>>>>

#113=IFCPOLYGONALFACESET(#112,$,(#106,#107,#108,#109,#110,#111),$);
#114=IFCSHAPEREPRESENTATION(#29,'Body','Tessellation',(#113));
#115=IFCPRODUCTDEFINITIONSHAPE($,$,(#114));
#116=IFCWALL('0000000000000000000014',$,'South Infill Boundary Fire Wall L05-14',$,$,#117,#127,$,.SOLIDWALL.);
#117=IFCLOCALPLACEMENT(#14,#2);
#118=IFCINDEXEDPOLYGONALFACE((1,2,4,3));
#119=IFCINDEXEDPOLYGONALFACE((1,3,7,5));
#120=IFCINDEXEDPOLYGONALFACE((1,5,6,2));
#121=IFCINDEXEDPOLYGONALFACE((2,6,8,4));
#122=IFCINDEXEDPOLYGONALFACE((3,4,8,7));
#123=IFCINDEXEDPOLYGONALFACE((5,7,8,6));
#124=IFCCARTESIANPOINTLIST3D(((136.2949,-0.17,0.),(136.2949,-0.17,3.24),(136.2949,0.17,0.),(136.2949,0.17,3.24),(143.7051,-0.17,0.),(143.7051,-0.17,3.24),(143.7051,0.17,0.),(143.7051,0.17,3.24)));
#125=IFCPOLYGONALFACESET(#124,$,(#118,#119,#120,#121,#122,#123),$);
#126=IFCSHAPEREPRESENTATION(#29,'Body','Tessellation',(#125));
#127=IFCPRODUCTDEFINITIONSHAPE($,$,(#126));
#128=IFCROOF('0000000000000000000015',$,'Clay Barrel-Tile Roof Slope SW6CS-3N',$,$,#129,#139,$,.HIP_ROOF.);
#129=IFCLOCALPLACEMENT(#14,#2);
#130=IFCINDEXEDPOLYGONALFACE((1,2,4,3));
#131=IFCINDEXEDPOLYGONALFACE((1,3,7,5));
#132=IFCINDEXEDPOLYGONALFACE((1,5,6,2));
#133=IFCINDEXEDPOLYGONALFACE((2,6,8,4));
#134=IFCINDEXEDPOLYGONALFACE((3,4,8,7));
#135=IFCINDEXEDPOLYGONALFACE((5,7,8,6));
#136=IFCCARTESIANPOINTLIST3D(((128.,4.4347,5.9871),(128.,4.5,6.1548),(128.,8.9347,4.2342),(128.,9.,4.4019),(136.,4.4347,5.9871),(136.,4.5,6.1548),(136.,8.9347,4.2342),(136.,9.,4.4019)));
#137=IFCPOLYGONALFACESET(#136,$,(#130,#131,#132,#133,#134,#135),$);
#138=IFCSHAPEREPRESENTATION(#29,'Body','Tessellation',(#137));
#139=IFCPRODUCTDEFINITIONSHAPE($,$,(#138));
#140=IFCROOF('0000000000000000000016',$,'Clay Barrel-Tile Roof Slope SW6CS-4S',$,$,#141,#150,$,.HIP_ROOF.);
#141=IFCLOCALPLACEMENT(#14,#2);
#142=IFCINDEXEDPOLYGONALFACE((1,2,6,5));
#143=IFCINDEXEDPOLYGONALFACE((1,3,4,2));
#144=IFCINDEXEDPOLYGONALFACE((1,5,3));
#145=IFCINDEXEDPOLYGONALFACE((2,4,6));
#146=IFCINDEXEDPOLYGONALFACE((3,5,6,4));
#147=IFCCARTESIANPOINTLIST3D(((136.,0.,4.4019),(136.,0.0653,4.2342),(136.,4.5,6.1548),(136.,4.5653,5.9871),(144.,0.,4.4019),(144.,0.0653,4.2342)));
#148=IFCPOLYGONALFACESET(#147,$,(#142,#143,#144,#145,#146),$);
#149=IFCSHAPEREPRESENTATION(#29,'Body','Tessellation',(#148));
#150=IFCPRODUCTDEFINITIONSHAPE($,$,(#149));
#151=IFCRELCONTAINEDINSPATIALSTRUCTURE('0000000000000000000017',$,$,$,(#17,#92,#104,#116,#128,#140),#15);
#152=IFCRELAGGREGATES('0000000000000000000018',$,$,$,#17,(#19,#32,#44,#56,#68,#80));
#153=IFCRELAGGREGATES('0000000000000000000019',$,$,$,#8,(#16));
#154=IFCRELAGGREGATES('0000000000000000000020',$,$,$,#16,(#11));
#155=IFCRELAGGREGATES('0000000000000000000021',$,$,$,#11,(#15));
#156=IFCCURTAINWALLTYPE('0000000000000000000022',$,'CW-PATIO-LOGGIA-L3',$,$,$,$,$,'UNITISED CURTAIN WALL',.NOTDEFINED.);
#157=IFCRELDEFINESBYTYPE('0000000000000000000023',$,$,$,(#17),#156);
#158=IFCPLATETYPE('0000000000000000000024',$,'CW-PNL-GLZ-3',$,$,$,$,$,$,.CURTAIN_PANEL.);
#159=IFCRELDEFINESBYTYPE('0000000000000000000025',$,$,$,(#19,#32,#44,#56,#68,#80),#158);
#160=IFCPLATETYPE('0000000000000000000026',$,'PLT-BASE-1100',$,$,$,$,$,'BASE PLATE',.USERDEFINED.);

<<<<

EXERCISE PROMPT: Reproduce all of the data above, exactly and without omission.

YOUR RESPONSE:
#113=IFCPOLYGONALFACESET(#112,$,(#106,#107,#108,#109,#110,#111),$);
#114=IFCSHAPEREPRESENTATION(#29,'Body','Tessellation',(#113));
#115=IFCPRODUCTDEFINITIONSHAPE($,$,(#114));
#116=IFCWALL('0000000000000000000014',$,'South Infill Boundary Fire Wall L05-14',$,$,#117,#127,$,.SOLIDWALL.);
#117=IFCLOCALPLACEMENT(#14,#2);
#118=IFCINDEXEDPOLYGONALFACE((1,2,4,3));
#119=IFCINDEXEDPOLYGONALFACE((1,3,7,5));
#120=IFCINDEXEDPOLYGONALFACE((1,5,6,2));
#121=IFCINDEXEDPOLYGONALFACE((2,6,8,4));
#122=IFCINDEXEDPOLYGONALFACE((3,4,8,7));
#123=IFCINDEXEDPOLYGONALFACE((5,7,8,6));
#124=IFCCARTESIANPOINTLIST3D(((136.2949,-0.17,0.),(136.2949,-0.17,3.24),(136.2949,0.17,0.),(136.2949,0.17,3.24),(143.7051,-0.17,0.),(143.7051,-0.17,3.24),(143.7051,0.17,0.),(143.7051,0.17,3.24)));
#125=IFCPOLYGONALFACESET(#124,$,(#118,#119,#120,#121,#122,#123),$);
#126=IFCSHAPEREPRESENTATION(#29,'Body','Tessellation',(#125));
#127=IFCPRODUCTDEFINITIONSHAPE($,$,(#126));
#128=IFCROOF('0000000000000000000015',$,'Clay Barrel-Tile Roof Slope SW6CS-3N',$,$,#129,#139,$,.HIP_ROOF.);
#129=IFCLOCALPLACEMENT(#14,#2);
#130=IFCINDEXEDPOLYGONALFACE((1,2,4,3));
#131=IFCINDEXEDPOLYGONALFACE((1,3,7,5));
#132=IFCINDEXEDPOLYGONALFACE((1,5,6,2));
#133=IFCINDEXEDPOLYGONALFACE((2,6,8,4));
#134=IFCINDEXEDPOLYGONALFACE((3,4,8,7));
#135=IFCINDEXEDPOLYGONALFACE((5,7,8,6));
#136=IFCCARTESIANPOINTLIST3D(((128.,4.4347,5.9871),(128.,4.5,6.1548),(128.,8.9347,4.2342),(128.,9.,4.4019),(136.,4.4347,5.9871),(136.,4.5,6.1548),(136.,8.9347,4.2342),(136.,9.,4.4019)));
#137=IFCPOLYGONALFACESET(#136,$,(#130,#131,#132,#133,#134,#135),$);
#138=IFCSHAPEREPRESENTATION(#29,'Body','Tessellation',(#137));
#139=IFCPRODUCTDEFINITIONSHAPE($,$,(#138));
#140=IFCROOF('0000000000000000000016',$,'Clay Barrel-Tile Roof Slope SW6CS-4S',$,$,#141,#150,$,.HIP_ROOF.);
#141=IFCLOCALPLACEMENT(#14,#2);
#142=IFCINDEXEDPOLYGONALFACE((1,2,6,5));
#143=IFCINDEXEDPOLYGONALFACE((1,3,4,2));
#144=IFCINDEXEDPOLYGONALFACE((1,5,3));
#145=IFCINDEXEDPOLYGONALFACE((2,4,6));
#146=IFCINDEXEDPOLYGONALFACE((3,5,6,4));
#147=IFCCARTESIANPOINTLIST3D(((136.,0.,4.4019),(136.,0.0653,4.2342),(136.,4.5,6.1548),(136.,4.5653,5.9871),(144.,0.,4.4019),(144.,0.0653,4.2342)));
#148=IFCPOLYGONALFACESET(#147,$,(#142,#143,#144,#145,#146),$);
#149=IFCSHAPEREPRESENTATION(#29,'Body','Tessellation',(#148));
#150=IFCPRODUCTDEFINITIONSHAPE($,$,(#149));
#151=IFCRELCONTAINEDINSPATIALSTRUCTURE('0000000000000000000017',$,$,$,(#17,#92,#104,#116,#128,#140),#15);
#152=IFCRELAGGREGATES('0000000000000000000018',$,$,$,#17,(#19,#32,#44,#56,#68,#80));
#153=IFCRELAGGREGATES('0000000000000000000019',$,$,$,#8,(#16));
#154=IFCRELAGGREGATES('0000000000000000000020',$,$,$,#16,(#11));
#155=IFCRELAGGREGATES('0000000000000000000021',$,$,$,#11,(#15));
#156=IFCCURTAINWALLTYPE('0000000000000000000022',$,'CW-PATIO-LOGGIA-L3',$,$,$,$,$,'UNITISED CURTAIN WALL',.NOTDEFINED.);
#157=IFCRELDEFINESBYTYPE('0000000000000000000023',$,$,$,(#17),#156);
#158=IFCPLATETYPE('0000000000000000000024',$,'CW-PNL-GLZ-3',$,$,$,$,$,$,.CURTAIN_PANEL.);
#159=IFCRELDEFINESBYTYPE('0000000000000000000025',$,$,$,(#19,#32,#44,#56,#68,#80),#158);
#160=IFCPLATETYPE('0000000000000000000026',$,'PLT-BASE-1100',$,$,$,$,$,'BASE PLATE',.USERDEFINED.);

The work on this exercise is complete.